◆ **Task brief**
Write down each of the records again, exactly and in full.

Dataset records:
=====
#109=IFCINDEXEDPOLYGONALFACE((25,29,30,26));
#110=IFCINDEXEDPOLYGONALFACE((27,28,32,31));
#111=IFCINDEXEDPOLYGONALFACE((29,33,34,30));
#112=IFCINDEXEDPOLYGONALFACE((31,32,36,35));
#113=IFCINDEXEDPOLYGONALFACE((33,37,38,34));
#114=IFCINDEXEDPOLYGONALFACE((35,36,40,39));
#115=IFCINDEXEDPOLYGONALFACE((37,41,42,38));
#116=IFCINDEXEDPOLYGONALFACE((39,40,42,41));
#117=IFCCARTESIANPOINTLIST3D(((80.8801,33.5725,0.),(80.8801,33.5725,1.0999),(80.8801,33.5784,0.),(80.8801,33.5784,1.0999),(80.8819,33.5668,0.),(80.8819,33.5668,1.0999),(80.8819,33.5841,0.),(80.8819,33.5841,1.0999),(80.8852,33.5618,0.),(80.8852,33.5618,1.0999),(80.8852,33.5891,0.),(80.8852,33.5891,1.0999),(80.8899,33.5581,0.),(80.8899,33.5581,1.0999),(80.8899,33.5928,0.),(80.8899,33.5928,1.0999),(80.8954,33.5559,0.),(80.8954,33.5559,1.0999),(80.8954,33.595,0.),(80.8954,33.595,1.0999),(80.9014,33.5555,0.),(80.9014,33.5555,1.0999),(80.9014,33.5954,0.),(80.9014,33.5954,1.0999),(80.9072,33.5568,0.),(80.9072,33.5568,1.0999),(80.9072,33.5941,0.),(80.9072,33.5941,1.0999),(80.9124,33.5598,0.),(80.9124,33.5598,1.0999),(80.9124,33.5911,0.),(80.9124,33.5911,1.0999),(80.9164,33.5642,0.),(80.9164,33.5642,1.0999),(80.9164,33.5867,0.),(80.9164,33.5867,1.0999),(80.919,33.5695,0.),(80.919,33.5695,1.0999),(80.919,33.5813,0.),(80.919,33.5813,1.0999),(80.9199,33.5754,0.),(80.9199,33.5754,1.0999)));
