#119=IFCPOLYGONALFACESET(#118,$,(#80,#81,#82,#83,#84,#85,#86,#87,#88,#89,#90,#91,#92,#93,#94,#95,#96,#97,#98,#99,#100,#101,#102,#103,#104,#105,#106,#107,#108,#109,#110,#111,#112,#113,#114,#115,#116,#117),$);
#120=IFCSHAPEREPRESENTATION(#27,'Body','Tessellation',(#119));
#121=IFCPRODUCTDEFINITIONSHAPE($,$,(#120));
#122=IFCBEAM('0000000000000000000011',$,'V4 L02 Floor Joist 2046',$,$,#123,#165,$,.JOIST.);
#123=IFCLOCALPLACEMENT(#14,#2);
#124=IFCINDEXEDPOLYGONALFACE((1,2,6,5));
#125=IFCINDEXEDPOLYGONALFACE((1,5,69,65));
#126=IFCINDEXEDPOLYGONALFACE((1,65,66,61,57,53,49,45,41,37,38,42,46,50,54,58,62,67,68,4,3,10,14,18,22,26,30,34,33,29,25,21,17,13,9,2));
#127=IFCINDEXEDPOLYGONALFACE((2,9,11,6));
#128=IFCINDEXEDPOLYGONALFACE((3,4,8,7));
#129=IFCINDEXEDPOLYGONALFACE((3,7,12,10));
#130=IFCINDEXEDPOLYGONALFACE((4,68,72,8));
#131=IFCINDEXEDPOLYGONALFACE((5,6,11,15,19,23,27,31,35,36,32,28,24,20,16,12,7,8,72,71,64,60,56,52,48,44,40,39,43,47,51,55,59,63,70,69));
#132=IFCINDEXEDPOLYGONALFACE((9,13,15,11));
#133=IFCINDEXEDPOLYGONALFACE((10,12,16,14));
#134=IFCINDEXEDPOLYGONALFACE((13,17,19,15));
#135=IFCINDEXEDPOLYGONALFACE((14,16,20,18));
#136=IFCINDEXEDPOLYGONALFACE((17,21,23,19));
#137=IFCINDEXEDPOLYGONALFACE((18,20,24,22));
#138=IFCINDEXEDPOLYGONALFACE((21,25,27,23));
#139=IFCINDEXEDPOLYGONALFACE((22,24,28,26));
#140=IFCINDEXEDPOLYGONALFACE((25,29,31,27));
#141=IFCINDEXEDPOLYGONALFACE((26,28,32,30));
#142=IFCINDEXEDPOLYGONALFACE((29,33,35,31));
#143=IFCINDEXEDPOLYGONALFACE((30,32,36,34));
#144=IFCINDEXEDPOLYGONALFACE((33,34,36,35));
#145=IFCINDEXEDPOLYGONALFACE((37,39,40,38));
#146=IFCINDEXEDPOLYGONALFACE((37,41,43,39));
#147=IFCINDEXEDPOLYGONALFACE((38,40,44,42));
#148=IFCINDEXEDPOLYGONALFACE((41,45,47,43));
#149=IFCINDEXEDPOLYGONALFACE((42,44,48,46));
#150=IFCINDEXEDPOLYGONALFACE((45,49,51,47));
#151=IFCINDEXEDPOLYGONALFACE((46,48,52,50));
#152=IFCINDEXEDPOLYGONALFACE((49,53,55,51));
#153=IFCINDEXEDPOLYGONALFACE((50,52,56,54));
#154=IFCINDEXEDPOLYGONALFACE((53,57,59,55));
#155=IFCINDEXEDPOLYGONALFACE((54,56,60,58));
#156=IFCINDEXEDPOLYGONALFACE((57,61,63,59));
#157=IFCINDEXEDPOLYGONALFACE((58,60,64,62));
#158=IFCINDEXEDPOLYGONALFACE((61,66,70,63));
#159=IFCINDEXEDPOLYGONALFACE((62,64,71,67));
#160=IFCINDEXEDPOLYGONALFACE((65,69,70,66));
=====
◆ **Solution to the problem**
#109=IFCINDEXEDPOLYGONALFACE((25,29,30,26));
#110=IFCINDEXEDPOLYGONALFACE((27,28,32,31));
#111=IFCINDEXEDPOLYGONALFACE((29,33,34,30));
#112=IFCINDEXEDPOLYGONALFACE((31,32,36,35));
#113=IFCINDEXEDPOLYGONALFACE((33,37,38,34));
#114=IFCINDEXEDPOLYGONALFACE((35,36,40,39));
#115=IFCINDEXEDPOLYGONALFACE((37,41,42,38));
#116=IFCINDEXEDPOLYGONALFACE((39,40,42,41));
#117=IFCCARTESIANPOINTLIST3D(((80.8801,33.5725,0.),(80.8801,33.5725,1.0999),(80.8801,33.5784,0.),(80.8801,33.5784,1.0999),(80.8819,33.5668,0.),(80.8819,33.5668,1.0999),(80.8819,33.5841,0.),(80.8819,33.5841,1.0999),(80.8852,33.5618,0.),(80.8852,33.5618,1.0999),(80.8852,33.5891,0.),(80.8852,33.5891,1.0999),(80.8899,33.5581,0.),(80.8899,33.5581,1.0999),(80.8899,33.5928,0.),(80.8899,33.5928,1.0999),(80.8954,33.5559,0.),(80.8954,33.5559,1.0999),(80.8954,33.595,0.),(80.8954,33.595,1.0999),(80.9014,33.5555,0.),(80.9014,33.5555,1.0999),(80.9014,33.5954,0.),(80.9014,33.5954,1.0999),(80.9072,33.5568,0.),(80.9072,33.5568,1.0999),(80.9072,33.5941,0.),(80.9072,33.5941,1.0999),(80.9124,33.5598,0.),(80.9124,33.5598,1.0999),(80.9124,33.5911,0.),(80.9124,33.5911,1.0999),(80.9164,33.5642,0.),(80.9164,33.5642,1.0999),(80.9164,33.5867,0.),(80.9164,33.5867,1.0999),(80.919,33.5695,0.),(80.919,33.5695,1.0999),(80.919,33.5813,0.),(80.919,33.5813,1.0999),(80.9199,33.5754,0.),(80.9199,33.5754,1.0999)));
#119=IFCPOLYGONALFACESET(#118,$,(#80,#81,#82,#83,#84,#85,#86,#87,#88,#89,#90,#91,#92,#93,#94,#95,#96,#97,#98,#99,#100,#101,#102,#103,#104,#105,#106,#107,#108,#109,#110,#111,#112,#113,#114,#115,#116,#117),$);
#120=IFCSHAPEREPRESENTATION(#27,'Body','Tessellation',(#119));
#121=IFCPRODUCTDEFINITIONSHAPE($,$,(#120));
#122=IFCBEAM('0000000000000000000011',$,'V4 L02 Floor Joist 2046',$,$,#123,#165,$,.JOIST.);
#123=IFCLOCALPLACEMENT(#14,#2);
#124=IFCINDEXEDPOLYGONALFACE((1,2,6,5));
#125=IFCINDEXEDPOLYGONALFACE((1,5,69,65));
#126=IFCINDEXEDPOLYGONALFACE((1,65,66,61,57,53,49,45,41,37,38,42,46,50,54,58,62,67,68,4,3,10,14,18,22,26,30,34,33,29,25,21,17,13,9,2));
#127=IFCINDEXEDPOLYGONALFACE((2,9,11,6));
#128=IFCINDEXEDPOLYGONALFACE((3,4,8,7));
#129=IFCINDEXEDPOLYGONALFACE((3,7,12,10));
#130=IFCINDEXEDPOLYGONALFACE((4,68,72,8));
#131=IFCINDEXEDPOLYGONALFACE((5,6,11,15,19,23,27,31,35,36,32,28,24,20,16,12,7,8,72,71,64,60,56,52,48,44,40,39,43,47,51,55,59,63,70,69));
#132=IFCINDEXEDPOLYGONALFACE((9,13,15,11));
#133=IFCINDEXEDPOLYGONALFACE((10,12,16,14));
#134=IFCINDEXEDPOLYGONALFACE((13,17,19,15));
#135=IFCINDEXEDPOLYGONALFACE((14,16,20,18));
#136=IFCINDEXEDPOLYGONALFACE((17,21,23,19));
#137=IFCINDEXEDPOLYGONALFACE((18,20,24,22));
#138=IFCINDEXEDPOLYGONALFACE((21,25,27,23));
#139=IFCINDEXEDPOLYGONALFACE((22,24,28,26));
#140=IFCINDEXEDPOLYGONALFACE((25,29,31,27));
#141=IFCINDEXEDPOLYGONALFACE((26,28,32,30));
#142=IFCINDEXEDPOLYGONALFACE((29,33,35,31));
#143=IFCINDEXEDPOLYGONALFACE((30,32,36,34));
#144=IFCINDEXEDPOLYGONALFACE((33,34,36,35));
#145=IFCINDEXEDPOLYGONALFACE((37,39,40,38));
#146=IFCINDEXEDPOLYGONALFACE((37,41,43,39));
#147=IFCINDEXEDPOLYGONALFACE((38,40,44,42));
#148=IFCINDEXEDPOLYGONALFACE((41,45,47,43));
#149=IFCINDEXEDPOLYGONALFACE((42,44,48,46));
#150=IFCINDEXEDPOLYGONALFACE((45,49,51,47));
#151=IFCINDEXEDPOLYGONALFACE((46,48,52,50));
#152=IFCINDEXEDPOLYGONALFACE((49,53,55,51));
#153=IFCINDEXEDPOLYGONALFACE((50,52,56,54));
#154=IFCINDEXEDPOLYGONALFACE((53,57,59,55));
#155=IFCINDEXEDPOLYGONALFACE((54,56,60,58));
#156=IFCINDEXEDPOLYGONALFACE((57,61,63,59));
#157=IFCINDEXEDPOLYGONALFACE((58,60,64,62));
#158=IFCINDEXEDPOLYGONALFACE((61,66,70,63));
#159=IFCINDEXEDPOLYGONALFACE((62,64,71,67));
#160=IFCINDEXEDPOLYGONALFACE((65,69,70,66));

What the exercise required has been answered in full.